(Stored data)

++++++++

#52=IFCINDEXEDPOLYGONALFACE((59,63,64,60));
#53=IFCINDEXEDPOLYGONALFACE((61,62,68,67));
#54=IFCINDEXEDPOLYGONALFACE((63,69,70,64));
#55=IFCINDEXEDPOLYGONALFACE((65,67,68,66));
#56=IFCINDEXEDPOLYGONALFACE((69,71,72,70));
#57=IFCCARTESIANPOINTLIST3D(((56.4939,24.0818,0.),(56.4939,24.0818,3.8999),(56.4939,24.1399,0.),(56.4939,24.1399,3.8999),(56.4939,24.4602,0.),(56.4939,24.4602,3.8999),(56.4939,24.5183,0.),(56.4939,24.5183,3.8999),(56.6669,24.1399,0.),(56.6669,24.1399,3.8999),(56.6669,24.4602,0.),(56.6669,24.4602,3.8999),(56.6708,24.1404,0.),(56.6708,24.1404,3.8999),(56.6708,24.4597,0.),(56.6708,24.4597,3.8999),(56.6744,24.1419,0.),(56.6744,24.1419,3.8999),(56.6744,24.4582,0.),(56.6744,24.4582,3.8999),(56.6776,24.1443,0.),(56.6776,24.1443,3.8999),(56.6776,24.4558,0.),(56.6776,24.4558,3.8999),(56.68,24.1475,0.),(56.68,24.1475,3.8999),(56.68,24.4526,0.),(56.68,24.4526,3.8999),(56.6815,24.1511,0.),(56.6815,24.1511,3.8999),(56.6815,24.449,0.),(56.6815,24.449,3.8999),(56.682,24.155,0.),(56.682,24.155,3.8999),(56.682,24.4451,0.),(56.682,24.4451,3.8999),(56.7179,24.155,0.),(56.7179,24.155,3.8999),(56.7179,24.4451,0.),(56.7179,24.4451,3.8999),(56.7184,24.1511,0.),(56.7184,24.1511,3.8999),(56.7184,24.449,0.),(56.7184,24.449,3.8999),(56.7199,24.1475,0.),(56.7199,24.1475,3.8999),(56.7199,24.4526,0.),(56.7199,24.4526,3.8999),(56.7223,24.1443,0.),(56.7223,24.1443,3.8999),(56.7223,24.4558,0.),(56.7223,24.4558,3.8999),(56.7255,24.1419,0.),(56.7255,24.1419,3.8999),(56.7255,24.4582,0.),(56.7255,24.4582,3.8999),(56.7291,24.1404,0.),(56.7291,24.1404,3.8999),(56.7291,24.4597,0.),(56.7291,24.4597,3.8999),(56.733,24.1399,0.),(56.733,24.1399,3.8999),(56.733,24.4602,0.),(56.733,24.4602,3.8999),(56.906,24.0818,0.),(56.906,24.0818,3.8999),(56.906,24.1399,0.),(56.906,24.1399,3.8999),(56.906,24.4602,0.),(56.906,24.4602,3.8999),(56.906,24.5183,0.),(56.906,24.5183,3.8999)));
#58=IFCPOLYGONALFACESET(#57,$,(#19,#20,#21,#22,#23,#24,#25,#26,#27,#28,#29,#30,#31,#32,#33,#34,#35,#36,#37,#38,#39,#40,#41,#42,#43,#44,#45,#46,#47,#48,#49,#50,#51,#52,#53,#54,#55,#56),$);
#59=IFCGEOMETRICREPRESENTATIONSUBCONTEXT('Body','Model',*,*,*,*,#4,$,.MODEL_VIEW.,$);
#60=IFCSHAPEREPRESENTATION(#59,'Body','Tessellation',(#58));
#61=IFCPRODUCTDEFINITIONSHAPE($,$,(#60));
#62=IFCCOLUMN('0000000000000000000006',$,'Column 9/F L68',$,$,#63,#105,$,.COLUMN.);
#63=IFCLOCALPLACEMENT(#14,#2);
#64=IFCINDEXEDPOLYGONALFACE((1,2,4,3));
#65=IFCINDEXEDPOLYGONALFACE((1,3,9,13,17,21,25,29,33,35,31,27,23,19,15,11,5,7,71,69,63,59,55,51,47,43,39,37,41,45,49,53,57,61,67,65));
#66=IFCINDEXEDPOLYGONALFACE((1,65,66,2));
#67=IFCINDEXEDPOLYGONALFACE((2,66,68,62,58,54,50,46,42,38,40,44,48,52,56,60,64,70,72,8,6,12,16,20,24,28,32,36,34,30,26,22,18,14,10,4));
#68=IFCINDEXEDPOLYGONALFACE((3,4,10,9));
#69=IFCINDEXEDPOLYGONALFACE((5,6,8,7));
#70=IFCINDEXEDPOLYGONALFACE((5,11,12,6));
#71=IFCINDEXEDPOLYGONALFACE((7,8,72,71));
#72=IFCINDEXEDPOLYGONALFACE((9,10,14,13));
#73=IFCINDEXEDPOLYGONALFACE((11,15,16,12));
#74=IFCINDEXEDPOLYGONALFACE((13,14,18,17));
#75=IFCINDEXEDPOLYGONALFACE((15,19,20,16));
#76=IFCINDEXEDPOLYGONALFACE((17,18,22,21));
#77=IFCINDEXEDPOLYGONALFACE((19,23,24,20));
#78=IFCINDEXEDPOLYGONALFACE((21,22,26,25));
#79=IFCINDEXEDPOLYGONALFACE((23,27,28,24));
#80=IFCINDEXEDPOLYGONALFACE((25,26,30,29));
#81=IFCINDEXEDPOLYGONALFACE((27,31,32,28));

++++++++

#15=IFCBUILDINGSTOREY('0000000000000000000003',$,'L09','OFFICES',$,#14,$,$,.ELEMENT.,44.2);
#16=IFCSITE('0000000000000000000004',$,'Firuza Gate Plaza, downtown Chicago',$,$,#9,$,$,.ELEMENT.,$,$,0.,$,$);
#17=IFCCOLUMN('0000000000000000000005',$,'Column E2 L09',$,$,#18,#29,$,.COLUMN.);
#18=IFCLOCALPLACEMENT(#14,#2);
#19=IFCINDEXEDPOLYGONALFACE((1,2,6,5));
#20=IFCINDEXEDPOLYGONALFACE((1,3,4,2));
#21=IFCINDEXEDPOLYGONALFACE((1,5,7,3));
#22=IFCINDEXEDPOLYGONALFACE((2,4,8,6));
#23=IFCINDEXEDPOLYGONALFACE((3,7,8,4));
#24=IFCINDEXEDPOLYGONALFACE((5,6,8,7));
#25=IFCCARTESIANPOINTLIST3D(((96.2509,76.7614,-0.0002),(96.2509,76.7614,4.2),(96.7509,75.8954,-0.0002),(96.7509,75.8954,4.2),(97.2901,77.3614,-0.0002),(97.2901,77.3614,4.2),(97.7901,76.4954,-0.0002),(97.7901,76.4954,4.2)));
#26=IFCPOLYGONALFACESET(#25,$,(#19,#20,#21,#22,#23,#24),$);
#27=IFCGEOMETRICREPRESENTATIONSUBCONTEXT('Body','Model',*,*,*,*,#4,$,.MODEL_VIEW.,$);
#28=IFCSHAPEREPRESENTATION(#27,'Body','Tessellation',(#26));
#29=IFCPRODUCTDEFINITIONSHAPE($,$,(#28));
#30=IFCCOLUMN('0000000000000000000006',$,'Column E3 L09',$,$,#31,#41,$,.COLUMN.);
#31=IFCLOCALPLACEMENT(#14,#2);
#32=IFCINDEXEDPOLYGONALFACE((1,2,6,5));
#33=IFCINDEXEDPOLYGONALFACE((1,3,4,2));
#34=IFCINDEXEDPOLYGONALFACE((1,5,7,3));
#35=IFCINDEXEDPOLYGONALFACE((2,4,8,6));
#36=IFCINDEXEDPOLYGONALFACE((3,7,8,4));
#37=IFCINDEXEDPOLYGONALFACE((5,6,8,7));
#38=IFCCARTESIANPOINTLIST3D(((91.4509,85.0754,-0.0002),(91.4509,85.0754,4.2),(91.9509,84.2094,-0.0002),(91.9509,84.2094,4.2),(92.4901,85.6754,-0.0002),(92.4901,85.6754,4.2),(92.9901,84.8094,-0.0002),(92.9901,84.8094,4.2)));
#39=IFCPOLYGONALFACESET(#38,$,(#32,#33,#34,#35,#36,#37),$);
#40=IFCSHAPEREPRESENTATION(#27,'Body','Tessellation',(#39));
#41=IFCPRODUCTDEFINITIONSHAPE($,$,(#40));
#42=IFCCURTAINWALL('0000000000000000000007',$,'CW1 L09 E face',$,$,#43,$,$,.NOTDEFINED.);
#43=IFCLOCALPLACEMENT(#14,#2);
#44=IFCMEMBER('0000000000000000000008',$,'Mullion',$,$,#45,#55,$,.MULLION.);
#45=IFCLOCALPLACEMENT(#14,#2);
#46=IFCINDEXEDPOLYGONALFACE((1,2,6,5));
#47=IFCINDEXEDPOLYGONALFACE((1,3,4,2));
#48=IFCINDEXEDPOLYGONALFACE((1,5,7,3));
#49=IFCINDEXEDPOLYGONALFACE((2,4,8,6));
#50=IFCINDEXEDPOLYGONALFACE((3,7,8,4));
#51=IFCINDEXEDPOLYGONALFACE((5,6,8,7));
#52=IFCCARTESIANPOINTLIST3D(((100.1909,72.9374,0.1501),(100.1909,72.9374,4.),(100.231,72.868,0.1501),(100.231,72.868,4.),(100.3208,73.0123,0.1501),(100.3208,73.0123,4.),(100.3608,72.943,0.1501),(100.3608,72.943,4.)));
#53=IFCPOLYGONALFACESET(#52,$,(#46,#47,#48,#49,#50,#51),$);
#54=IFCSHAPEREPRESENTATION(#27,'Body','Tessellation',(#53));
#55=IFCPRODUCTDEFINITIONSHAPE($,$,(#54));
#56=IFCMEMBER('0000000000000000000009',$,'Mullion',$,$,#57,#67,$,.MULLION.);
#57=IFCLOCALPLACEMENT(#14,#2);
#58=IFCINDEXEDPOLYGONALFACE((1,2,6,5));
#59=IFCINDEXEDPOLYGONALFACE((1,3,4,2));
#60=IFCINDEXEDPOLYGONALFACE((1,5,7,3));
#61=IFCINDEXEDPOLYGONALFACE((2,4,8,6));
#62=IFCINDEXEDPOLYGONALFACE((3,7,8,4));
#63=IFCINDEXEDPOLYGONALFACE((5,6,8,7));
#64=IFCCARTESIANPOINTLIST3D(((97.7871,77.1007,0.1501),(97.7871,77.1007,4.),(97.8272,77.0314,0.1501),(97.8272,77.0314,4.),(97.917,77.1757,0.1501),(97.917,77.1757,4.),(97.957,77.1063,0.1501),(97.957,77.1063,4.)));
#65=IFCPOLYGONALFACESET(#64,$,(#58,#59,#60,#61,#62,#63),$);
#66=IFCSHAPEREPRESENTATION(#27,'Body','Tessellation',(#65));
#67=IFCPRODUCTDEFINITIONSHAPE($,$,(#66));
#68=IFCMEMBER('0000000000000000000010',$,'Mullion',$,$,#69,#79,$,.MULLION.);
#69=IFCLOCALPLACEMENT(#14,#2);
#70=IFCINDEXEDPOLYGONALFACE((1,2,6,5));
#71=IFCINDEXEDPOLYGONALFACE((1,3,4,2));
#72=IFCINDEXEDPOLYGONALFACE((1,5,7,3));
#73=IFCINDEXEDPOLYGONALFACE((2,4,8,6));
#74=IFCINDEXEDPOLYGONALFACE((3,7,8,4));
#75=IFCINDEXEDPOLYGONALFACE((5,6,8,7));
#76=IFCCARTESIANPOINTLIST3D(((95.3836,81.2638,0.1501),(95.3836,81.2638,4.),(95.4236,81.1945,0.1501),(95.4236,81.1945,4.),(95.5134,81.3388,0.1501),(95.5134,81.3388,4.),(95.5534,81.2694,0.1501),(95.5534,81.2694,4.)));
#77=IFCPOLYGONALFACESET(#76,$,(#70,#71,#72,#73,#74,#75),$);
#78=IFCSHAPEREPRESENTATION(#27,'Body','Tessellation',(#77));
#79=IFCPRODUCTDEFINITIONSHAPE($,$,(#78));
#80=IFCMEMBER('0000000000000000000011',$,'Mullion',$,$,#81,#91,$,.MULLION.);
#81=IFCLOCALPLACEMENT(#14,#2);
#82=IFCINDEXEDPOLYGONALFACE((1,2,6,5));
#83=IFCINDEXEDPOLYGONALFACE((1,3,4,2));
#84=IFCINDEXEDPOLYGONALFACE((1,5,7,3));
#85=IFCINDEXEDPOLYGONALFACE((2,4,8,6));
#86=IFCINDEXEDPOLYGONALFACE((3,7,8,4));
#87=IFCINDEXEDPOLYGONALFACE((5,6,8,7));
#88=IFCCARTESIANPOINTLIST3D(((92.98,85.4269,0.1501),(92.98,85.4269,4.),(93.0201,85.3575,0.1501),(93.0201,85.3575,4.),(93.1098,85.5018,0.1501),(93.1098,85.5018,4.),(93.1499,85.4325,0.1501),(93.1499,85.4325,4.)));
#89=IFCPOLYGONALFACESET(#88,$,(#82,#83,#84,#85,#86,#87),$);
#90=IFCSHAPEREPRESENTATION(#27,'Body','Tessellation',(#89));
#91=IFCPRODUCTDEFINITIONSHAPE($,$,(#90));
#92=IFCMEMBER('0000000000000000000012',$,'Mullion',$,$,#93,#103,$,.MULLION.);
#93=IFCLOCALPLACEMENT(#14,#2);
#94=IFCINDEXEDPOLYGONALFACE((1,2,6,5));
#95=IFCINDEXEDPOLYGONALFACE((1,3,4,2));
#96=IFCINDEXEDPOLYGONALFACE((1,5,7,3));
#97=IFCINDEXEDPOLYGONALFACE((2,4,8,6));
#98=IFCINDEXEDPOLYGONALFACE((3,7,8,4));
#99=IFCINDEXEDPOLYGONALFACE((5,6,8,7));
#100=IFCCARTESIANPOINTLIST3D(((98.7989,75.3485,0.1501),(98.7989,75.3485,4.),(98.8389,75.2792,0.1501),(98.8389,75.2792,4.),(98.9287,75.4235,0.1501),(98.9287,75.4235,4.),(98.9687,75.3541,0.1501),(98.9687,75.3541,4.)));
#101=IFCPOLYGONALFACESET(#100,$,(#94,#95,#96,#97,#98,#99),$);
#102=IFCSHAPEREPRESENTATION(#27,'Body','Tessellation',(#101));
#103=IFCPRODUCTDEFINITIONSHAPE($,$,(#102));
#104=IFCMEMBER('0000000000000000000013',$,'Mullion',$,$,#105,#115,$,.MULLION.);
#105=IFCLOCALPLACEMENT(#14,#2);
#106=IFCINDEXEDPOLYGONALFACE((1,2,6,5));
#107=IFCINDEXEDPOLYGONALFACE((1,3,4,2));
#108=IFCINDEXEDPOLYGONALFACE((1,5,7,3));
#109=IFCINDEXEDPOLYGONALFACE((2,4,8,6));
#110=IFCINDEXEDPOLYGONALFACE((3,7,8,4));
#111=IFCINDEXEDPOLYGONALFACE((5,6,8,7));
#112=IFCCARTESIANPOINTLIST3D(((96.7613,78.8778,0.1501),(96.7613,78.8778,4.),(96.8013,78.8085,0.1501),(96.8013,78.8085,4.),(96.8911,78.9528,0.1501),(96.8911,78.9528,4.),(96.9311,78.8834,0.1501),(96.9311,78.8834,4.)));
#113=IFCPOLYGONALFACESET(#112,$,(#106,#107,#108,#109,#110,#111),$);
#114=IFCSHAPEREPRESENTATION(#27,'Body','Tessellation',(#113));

++++++++

EXERCISE BRIEF — Give the number of lines in the records that contain the string "Model", and nothing besides.

TASK OUTPUT — 2